[What this task involves]
Could you transcribe the material below exactly, without leaving out a single line?
Record set START
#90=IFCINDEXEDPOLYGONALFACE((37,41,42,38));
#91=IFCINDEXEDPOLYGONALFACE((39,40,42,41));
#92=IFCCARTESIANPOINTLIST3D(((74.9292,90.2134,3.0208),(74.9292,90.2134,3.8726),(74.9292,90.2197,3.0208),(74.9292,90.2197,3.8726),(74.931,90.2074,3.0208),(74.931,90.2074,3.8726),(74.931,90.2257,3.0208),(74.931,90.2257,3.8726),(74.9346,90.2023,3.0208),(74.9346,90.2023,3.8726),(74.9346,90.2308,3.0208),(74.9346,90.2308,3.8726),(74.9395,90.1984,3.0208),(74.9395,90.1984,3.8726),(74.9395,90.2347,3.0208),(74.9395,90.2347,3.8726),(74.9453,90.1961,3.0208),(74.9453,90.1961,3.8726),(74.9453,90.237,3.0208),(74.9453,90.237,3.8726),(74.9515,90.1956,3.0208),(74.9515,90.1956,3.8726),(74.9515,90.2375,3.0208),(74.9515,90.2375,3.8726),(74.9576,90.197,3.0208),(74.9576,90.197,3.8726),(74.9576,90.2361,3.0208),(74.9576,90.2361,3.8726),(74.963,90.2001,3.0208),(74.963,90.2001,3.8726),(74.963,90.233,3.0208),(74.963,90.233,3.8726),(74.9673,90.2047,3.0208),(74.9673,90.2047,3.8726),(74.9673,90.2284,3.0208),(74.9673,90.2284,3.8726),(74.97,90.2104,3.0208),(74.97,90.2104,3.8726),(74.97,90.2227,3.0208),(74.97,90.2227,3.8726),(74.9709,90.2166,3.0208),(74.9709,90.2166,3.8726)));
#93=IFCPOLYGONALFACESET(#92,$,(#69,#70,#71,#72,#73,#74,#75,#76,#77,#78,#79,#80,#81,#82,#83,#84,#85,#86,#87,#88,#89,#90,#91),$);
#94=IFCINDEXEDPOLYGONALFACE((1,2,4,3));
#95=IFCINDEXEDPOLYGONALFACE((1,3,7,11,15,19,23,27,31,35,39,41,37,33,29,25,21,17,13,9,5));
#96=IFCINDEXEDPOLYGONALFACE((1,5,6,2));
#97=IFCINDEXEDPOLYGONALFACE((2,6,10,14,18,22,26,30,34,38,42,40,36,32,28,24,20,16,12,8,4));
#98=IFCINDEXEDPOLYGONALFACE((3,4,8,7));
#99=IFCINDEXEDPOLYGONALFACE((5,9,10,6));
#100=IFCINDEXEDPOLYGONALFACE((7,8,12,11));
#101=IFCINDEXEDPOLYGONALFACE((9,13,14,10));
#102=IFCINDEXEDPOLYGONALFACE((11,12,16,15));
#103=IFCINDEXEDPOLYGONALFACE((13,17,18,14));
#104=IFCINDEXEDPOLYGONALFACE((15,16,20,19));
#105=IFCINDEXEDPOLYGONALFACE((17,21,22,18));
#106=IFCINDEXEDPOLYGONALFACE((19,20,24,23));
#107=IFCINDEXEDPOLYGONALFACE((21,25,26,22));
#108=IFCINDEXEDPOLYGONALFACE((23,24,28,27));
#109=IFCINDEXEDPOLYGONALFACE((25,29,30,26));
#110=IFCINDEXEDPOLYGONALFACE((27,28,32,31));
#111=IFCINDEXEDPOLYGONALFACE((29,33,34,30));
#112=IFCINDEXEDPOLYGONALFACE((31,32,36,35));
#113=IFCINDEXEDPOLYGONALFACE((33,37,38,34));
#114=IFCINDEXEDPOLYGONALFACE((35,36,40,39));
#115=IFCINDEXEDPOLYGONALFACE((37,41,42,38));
Record set END
[Exercise answer]
#90=IFCINDEXEDPOLYGONALFACE((37,41,42,38));
#91=IFCINDEXEDPOLYGONALFACE((39,40,42,41));
#92=IFCCARTESIANPOINTLIST3D(((74.9292,90.2134,3.0208),(74.9292,90.2134,3.8726),(74.9292,90.2197,3.0208),(74.9292,90.2197,3.8726),(74.931,90.2074,3.0208),(74.931,90.2074,3.8726),(74.931,90.2257,3.0208),(74.931,90.2257,3.8726),(74.9346,90.2023,3.0208),(74.9346,90.2023,3.8726),(74.9346,90.2308,3.0208),(74.9346,90.2308,3.8726),(74.9395,90.1984,3.0208),(74.9395,90.1984,3.8726),(74.9395,90.2347,3.0208),(74.9395,90.2347,3.8726),(74.9453,90.1961,3.0208),(74.9453,90.1961,3.8726),(74.9453,90.237,3.0208),(74.9453,90.237,3.8726),(74.9515,90.1956,3.0208),(74.9515,90.1956,3.8726),(74.9515,90.2375,3.0208),(74.9515,90.2375,3.8726),(74.9576,90.197,3.0208),(74.9576,90.197,3.8726),(74.9576,90.2361,3.0208),(74.9576,90.2361,3.8726),(74.963,90.2001,3.0208),(74.963,90.2001,3.8726),(74.963,90.233,3.0208),(74.963,90.233,3.8726),(74.9673,90.2047,3.0208),(74.9673,90.2047,3.8726),(74.9673,90.2284,3.0208),(74.9673,90.2284,3.8726),(74.97,90.2104,3.0208),(74.97,90.2104,3.8726),(74.97,90.2227,3.0208),(74.97,90.2227,3.8726),(74.9709,90.2166,3.0208),(74.9709,90.2166,3.8726)));
#93=IFCPOLYGONALFACESET(#92,$,(#69,#70,#71,#72,#73,#74,#75,#76,#77,#78,#79,#80,#81,#82,#83,#84,#85,#86,#87,#88,#89,#90,#91),$);
#94=IFCINDEXEDPOLYGONALFACE((1,2,4,3));
#95=IFCINDEXEDPOLYGONALFACE((1,3,7,11,15,19,23,27,31,35,39,41,37,33,29,25,21,17,13,9,5));
#96=IFCINDEXEDPOLYGONALFACE((1,5,6,2));
#97=IFCINDEXEDPOLYGONALFACE((2,6,10,14,18,22,26,30,34,38,42,40,36,32,28,24,20,16,12,8,4));
#98=IFCINDEXEDPOLYGONALFACE((3,4,8,7));
#99=IFCINDEXEDPOLYGONALFACE((5,9,10,6));
#100=IFCINDEXEDPOLYGONALFACE((7,8,12,11));
#101=IFCINDEXEDPOLYGONALFACE((9,13,14,10));
#102=IFCINDEXEDPOLYGONALFACE((11,12,16,15));
#103=IFCINDEXEDPOLYGONALFACE((13,17,18,14));
#104=IFCINDEXEDPOLYGONALFACE((15,16,20,19));
#105=IFCINDEXEDPOLYGONALFACE((17,21,22,18));
#106=IFCINDEXEDPOLYGONALFACE((19,20,24,23));
#107=IFCINDEXEDPOLYGONALFACE((21,25,26,22));
#108=IFCINDEXEDPOLYGONALFACE((23,24,28,27));
#109=IFCINDEXEDPOLYGONALFACE((25,29,30,26));
#110=IFCINDEXEDPOLYGONALFACE((27,28,32,31));
#111=IFCINDEXEDPOLYGONALFACE((29,33,34,30));
#112=IFCINDEXEDPOLYGONALFACE((31,32,36,35));
#113=IFCINDEXEDPOLYGONALFACE((33,37,38,34));
#114=IFCINDEXEDPOLYGONALFACE((35,36,40,39));
#115=IFCINDEXEDPOLYGONALFACE((37,41,42,38));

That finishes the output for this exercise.